Excerpted data »
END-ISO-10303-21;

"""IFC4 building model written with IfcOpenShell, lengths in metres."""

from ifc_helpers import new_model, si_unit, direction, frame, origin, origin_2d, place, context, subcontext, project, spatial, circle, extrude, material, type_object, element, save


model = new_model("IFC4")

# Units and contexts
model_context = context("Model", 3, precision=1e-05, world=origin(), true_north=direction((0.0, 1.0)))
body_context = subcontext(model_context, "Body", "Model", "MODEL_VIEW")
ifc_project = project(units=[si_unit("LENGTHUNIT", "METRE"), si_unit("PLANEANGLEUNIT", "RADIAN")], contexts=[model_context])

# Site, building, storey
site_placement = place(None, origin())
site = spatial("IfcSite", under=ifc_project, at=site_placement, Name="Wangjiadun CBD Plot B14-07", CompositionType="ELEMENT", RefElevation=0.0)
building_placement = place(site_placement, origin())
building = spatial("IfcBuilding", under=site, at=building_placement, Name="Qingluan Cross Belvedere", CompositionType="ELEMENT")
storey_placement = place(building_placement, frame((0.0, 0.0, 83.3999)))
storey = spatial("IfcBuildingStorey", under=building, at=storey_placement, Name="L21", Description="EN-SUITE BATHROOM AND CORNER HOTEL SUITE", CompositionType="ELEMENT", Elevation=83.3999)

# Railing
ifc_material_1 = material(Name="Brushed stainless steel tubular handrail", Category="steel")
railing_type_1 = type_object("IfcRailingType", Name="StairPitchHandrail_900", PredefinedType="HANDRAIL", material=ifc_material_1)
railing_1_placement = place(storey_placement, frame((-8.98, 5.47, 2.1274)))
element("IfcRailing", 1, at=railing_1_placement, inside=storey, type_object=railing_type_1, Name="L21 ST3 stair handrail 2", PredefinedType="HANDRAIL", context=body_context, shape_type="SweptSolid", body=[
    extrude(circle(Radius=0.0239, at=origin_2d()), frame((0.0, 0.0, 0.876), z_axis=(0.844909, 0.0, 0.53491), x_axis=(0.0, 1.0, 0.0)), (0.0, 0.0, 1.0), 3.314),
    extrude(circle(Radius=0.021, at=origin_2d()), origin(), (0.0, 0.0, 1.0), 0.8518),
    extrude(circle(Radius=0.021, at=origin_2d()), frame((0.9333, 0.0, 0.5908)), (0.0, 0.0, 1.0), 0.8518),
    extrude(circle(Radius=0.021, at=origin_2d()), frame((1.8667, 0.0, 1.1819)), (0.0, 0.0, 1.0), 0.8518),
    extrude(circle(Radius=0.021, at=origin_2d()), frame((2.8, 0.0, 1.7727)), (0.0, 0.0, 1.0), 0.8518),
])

Your goal »
Only the lines from the one containing "stainless steel tubular" to the end of the data should be printed, exactly as they stand.

Output below »
ifc_material_1 = material(Name="Brushed stainless steel tubular handrail", Category="steel")
railing_type_1 = type_object("IfcRailingType", Name="StairPitchHandrail_900", PredefinedType="HANDRAIL", material=ifc_material_1)
railing_1_placement = place(storey_placement, frame((-8.98, 5.47, 2.1274)))
element("IfcRailing", 1, at=railing_1_placement, inside=storey, type_object=railing_type_1, Name="L21 ST3 stair handrail 2", PredefinedType="HANDRAIL", context=body_context, shape_type="SweptSolid", body=[
    extrude(circle(Radius=0.0239, at=origin_2d()), frame((0.0, 0.0, 0.876), z_axis=(0.844909, 0.0, 0.53491), x_axis=(0.0, 1.0, 0.0)), (0.0, 0.0, 1.0), 3.314),
    extrude(circle(Radius=0.021, at=origin_2d()), origin(), (0.0, 0.0, 1.0), 0.8518),
    extrude(circle(Radius=0.021, at=origin_2d()), frame((0.9333, 0.0, 0.5908)), (0.0, 0.0, 1.0), 0.8518),
    extrude(circle(Radius=0.021, at=origin_2d()), frame((1.8667, 0.0, 1.1819)), (0.0, 0.0, 1.0), 0.8518),
    extrude(circle(Radius=0.021, at=origin_2d()), frame((2.8, 0.0, 1.7727)), (0.0, 0.0, 1.0), 0.8518),
])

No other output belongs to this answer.